- PROBLEM STATEMENT: The reply should contain each record below, returned exactly as given.

- DATA:
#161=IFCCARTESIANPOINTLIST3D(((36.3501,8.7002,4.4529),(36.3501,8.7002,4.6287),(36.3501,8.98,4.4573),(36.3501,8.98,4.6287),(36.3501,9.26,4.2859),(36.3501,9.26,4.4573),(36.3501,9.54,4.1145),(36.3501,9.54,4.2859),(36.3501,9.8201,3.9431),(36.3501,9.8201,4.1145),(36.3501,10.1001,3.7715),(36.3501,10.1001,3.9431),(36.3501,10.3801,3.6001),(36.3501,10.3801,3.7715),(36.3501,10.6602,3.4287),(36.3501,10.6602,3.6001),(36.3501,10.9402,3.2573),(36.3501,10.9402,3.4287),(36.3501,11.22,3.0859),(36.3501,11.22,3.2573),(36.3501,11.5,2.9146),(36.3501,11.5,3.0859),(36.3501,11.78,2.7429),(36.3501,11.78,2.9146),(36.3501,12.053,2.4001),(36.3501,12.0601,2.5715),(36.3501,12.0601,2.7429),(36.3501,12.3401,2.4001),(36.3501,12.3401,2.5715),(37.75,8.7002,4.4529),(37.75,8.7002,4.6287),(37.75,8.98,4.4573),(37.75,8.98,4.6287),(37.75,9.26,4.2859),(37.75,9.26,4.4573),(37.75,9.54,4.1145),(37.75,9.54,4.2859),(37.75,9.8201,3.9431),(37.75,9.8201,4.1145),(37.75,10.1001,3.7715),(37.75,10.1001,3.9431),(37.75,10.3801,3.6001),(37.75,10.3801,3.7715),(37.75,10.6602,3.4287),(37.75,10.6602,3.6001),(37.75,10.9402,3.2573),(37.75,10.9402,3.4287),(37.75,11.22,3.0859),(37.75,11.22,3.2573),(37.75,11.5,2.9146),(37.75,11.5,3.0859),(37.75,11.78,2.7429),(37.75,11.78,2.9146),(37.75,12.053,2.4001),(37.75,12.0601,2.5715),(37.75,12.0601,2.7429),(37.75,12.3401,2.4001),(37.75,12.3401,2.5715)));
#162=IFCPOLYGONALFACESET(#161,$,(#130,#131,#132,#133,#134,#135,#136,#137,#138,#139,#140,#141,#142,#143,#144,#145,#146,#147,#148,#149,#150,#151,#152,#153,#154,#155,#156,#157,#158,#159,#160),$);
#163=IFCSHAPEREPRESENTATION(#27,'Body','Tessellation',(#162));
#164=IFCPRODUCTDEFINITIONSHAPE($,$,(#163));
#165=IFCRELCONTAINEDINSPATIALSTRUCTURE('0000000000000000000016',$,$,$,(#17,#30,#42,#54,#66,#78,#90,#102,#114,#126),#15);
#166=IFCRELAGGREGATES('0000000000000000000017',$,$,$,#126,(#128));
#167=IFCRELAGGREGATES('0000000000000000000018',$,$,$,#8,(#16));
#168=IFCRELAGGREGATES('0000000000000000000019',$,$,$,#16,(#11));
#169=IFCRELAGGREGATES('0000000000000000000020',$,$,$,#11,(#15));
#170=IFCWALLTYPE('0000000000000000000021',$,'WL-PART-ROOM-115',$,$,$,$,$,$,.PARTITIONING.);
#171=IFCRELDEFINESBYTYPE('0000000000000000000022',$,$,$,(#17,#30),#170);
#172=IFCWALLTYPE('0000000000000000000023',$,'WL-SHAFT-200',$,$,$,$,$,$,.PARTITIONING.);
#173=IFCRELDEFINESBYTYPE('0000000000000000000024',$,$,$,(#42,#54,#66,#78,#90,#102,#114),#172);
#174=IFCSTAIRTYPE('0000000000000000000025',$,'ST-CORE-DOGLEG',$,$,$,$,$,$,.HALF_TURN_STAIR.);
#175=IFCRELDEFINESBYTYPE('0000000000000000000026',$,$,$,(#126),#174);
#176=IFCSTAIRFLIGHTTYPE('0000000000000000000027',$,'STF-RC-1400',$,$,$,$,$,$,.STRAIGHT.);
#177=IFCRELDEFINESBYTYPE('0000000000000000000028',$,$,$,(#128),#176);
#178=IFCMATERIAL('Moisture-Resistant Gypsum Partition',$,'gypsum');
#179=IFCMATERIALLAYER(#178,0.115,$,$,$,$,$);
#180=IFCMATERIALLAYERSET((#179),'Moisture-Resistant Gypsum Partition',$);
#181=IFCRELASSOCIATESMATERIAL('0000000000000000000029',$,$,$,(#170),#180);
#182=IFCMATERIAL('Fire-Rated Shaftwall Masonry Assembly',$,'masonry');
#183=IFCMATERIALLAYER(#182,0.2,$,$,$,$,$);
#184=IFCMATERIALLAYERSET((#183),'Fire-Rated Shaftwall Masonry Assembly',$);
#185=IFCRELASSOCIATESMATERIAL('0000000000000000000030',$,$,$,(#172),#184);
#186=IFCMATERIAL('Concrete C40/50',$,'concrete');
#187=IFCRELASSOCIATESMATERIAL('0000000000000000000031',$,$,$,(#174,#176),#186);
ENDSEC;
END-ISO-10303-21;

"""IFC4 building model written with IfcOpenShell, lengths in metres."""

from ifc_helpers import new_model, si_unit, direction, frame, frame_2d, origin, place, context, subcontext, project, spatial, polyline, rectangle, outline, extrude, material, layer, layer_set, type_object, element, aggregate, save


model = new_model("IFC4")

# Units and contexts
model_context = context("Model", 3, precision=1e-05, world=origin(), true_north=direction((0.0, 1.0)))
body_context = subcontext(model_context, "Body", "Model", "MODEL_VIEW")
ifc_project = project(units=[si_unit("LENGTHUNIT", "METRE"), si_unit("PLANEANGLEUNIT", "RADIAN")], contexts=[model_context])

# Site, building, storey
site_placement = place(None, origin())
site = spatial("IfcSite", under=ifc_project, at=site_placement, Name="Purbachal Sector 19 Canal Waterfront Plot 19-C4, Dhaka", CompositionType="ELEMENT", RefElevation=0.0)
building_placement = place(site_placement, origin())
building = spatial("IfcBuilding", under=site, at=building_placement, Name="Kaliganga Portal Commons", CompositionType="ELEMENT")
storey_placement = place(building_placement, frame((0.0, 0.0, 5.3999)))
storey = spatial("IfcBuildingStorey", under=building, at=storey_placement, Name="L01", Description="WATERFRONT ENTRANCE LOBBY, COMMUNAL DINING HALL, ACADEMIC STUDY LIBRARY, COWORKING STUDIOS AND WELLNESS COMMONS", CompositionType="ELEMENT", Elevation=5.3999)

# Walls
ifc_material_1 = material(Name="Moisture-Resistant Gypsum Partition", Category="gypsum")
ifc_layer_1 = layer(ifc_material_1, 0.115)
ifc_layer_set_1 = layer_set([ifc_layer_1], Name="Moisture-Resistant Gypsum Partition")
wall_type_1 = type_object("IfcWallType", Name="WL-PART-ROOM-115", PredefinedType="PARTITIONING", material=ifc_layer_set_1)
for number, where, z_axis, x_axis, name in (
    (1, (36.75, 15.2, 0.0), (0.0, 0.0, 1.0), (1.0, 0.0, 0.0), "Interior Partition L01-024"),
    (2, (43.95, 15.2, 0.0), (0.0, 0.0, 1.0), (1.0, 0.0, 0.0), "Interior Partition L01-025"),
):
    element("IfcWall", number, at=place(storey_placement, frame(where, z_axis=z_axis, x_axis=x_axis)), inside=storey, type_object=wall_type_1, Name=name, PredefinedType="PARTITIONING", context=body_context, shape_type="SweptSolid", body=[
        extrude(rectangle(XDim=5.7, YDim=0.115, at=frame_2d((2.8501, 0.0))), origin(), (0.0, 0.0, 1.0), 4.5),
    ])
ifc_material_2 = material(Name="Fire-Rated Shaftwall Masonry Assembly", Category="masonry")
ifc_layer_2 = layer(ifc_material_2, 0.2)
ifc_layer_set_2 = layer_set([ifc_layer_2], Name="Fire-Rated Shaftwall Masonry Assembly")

- YOUR SOLUTION:
#161=IFCCARTESIANPOINTLIST3D(((36.3501,8.7002,4.4529),(36.3501,8.7002,4.6287),(36.3501,8.98,4.4573),(36.3501,8.98,4.6287),(36.3501,9.26,4.2859),(36.3501,9.26,4.4573),(36.3501,9.54,4.1145),(36.3501,9.54,4.2859),(36.3501,9.8201,3.9431),(36.3501,9.8201,4.1145),(36.3501,10.1001,3.7715),(36.3501,10.1001,3.9431),(36.3501,10.3801,3.6001),(36.3501,10.3801,3.7715),(36.3501,10.6602,3.4287),(36.3501,10.6602,3.6001),(36.3501,10.9402,3.2573),(36.3501,10.9402,3.4287),(36.3501,11.22,3.0859),(36.3501,11.22,3.2573),(36.3501,11.5,2.9146),(36.3501,11.5,3.0859),(36.3501,11.78,2.7429),(36.3501,11.78,2.9146),(36.3501,12.053,2.4001),(36.3501,12.0601,2.5715),(36.3501,12.0601,2.7429),(36.3501,12.3401,2.4001),(36.3501,12.3401,2.5715),(37.75,8.7002,4.4529),(37.75,8.7002,4.6287),(37.75,8.98,4.4573),(37.75,8.98,4.6287),(37.75,9.26,4.2859),(37.75,9.26,4.4573),(37.75,9.54,4.1145),(37.75,9.54,4.2859),(37.75,9.8201,3.9431),(37.75,9.8201,4.1145),(37.75,10.1001,3.7715),(37.75,10.1001,3.9431),(37.75,10.3801,3.6001),(37.75,10.3801,3.7715),(37.75,10.6602,3.4287),(37.75,10.6602,3.6001),(37.75,10.9402,3.2573),(37.75,10.9402,3.4287),(37.75,11.22,3.0859),(37.75,11.22,3.2573),(37.75,11.5,2.9146),(37.75,11.5,3.0859),(37.75,11.78,2.7429),(37.75,11.78,2.9146),(37.75,12.053,2.4001),(37.75,12.0601,2.5715),(37.75,12.0601,2.7429),(37.75,12.3401,2.4001),(37.75,12.3401,2.5715)));
#162=IFCPOLYGONALFACESET(#161,$,(#130,#131,#132,#133,#134,#135,#136,#137,#138,#139,#140,#141,#142,#143,#144,#145,#146,#147,#148,#149,#150,#151,#152,#153,#154,#155,#156,#157,#158,#159,#160),$);
#163=IFCSHAPEREPRESENTATION(#27,'Body','Tessellation',(#162));
#164=IFCPRODUCTDEFINITIONSHAPE($,$,(#163));
#165=IFCRELCONTAINEDINSPATIALSTRUCTURE('0000000000000000000016',$,$,$,(#17,#30,#42,#54,#66,#78,#90,#102,#114,#126),#15);
#166=IFCRELAGGREGATES('0000000000000000000017',$,$,$,#126,(#128));
#167=IFCRELAGGREGATES('0000000000000000000018',$,$,$,#8,(#16));
#168=IFCRELAGGREGATES('0000000000000000000019',$,$,$,#16,(#11));
#169=IFCRELAGGREGATES('0000000000000000000020',$,$,$,#11,(#15));
#170=IFCWALLTYPE('0000000000000000000021',$,'WL-PART-ROOM-115',$,$,$,$,$,$,.PARTITIONING.);
#171=IFCRELDEFINESBYTYPE('0000000000000000000022',$,$,$,(#17,#30),#170);
#172=IFCWALLTYPE('0000000000000000000023',$,'WL-SHAFT-200',$,$,$,$,$,$,.PARTITIONING.);
#173=IFCRELDEFINESBYTYPE('0000000000000000000024',$,$,$,(#42,#54,#66,#78,#90,#102,#114),#172);
#174=IFCSTAIRTYPE('0000000000000000000025',$,'ST-CORE-DOGLEG',$,$,$,$,$,$,.HALF_TURN_STAIR.);
#175=IFCRELDEFINESBYTYPE('0000000000000000000026',$,$,$,(#126),#174);
#176=IFCSTAIRFLIGHTTYPE('0000000000000000000027',$,'STF-RC-1400',$,$,$,$,$,$,.STRAIGHT.);
#177=IFCRELDEFINESBYTYPE('0000000000000000000028',$,$,$,(#128),#176);
#178=IFCMATERIAL('Moisture-Resistant Gypsum Partition',$,'gypsum');
#179=IFCMATERIALLAYER(#178,0.115,$,$,$,$,$);
#180=IFCMATERIALLAYERSET((#179),'Moisture-Resistant Gypsum Partition',$);
#181=IFCRELASSOCIATESMATERIAL('0000000000000000000029',$,$,$,(#170),#180);
#182=IFCMATERIAL('Fire-Rated Shaftwall Masonry Assembly',$,'masonry');
#183=IFCMATERIALLAYER(#182,0.2,$,$,$,$,$);
#184=IFCMATERIALLAYERSET((#183),'Fire-Rated Shaftwall Masonry Assembly',$);
#185=IFCRELASSOCIATESMATERIAL('0000000000000000000030',$,$,$,(#172),#184);
#186=IFCMATERIAL('Concrete C40/50',$,'concrete');
#187=IFCRELASSOCIATESMATERIAL('0000000000000000000031',$,$,$,(#174,#176),#186);
ENDSEC;
END-ISO-10303-21;

"""IFC4 building model written with IfcOpenShell, lengths in metres."""

from ifc_helpers import new_model, si_unit, direction, frame, frame_2d, origin, place, context, subcontext, project, spatial, polyline, rectangle, outline, extrude, material, layer, layer_set, type_object, element, aggregate, save


model = new_model("IFC4")

# Units and contexts
model_context = context("Model", 3, precision=1e-05, world=origin(), true_north=direction((0.0, 1.0)))
body_context = subcontext(model_context, "Body", "Model", "MODEL_VIEW")
ifc_project = project(units=[si_unit("LENGTHUNIT", "METRE"), si_unit("PLANEANGLEUNIT", "RADIAN")], contexts=[model_context])

# Site, building, storey
site_placement = place(None, origin())
site = spatial("IfcSite", under=ifc_project, at=site_placement, Name="Purbachal Sector 19 Canal Waterfront Plot 19-C4, Dhaka", CompositionType="ELEMENT", RefElevation=0.0)
building_placement = place(site_placement, origin())
building = spatial("IfcBuilding", under=site, at=building_placement, Name="Kaliganga Portal Commons", CompositionType="ELEMENT")
storey_placement = place(building_placement, frame((0.0, 0.0, 5.3999)))
storey = spatial("IfcBuildingStorey", under=building, at=storey_placement, Name="L01", Description="WATERFRONT ENTRANCE LOBBY, COMMUNAL DINING HALL, ACADEMIC STUDY LIBRARY, COWORKING STUDIOS AND WELLNESS COMMONS", CompositionType="ELEMENT", Elevation=5.3999)

# Walls
ifc_material_1 = material(Name="Moisture-Resistant Gypsum Partition", Category="gypsum")
ifc_layer_1 = layer(ifc_material_1, 0.115)
ifc_layer_set_1 = layer_set([ifc_layer_1], Name="Moisture-Resistant Gypsum Partition")
wall_type_1 = type_object("IfcWallType", Name="WL-PART-ROOM-115", PredefinedType="PARTITIONING", material=ifc_layer_set_1)
for number, where, z_axis, x_axis, name in (
    (1, (36.75, 15.2, 0.0), (0.0, 0.0, 1.0), (1.0, 0.0, 0.0), "Interior Partition L01-024"),
    (2, (43.95, 15.2, 0.0), (0.0, 0.0, 1.0), (1.0, 0.0, 0.0), "Interior Partition L01-025"),
):
    element("IfcWall", number, at=place(storey_placement, frame(where, z_axis=z_axis, x_axis=x_axis)), inside=storey, type_object=wall_type_1, Name=name, PredefinedType="PARTITIONING", context=body_context, shape_type="SweptSolid", body=[
        extrude(rectangle(XDim=5.7, YDim=0.115, at=frame_2d((2.8501, 0.0))), origin(), (0.0, 0.0, 1.0), 4.5),
    ])
ifc_material_2 = material(Name="Fire-Rated Shaftwall Masonry Assembly", Category="masonry")
ifc_layer_2 = layer(ifc_material_2, 0.2)
ifc_layer_set_2 = layer_set([ifc_layer_2], Name="Fire-Rated Shaftwall Masonry Assembly")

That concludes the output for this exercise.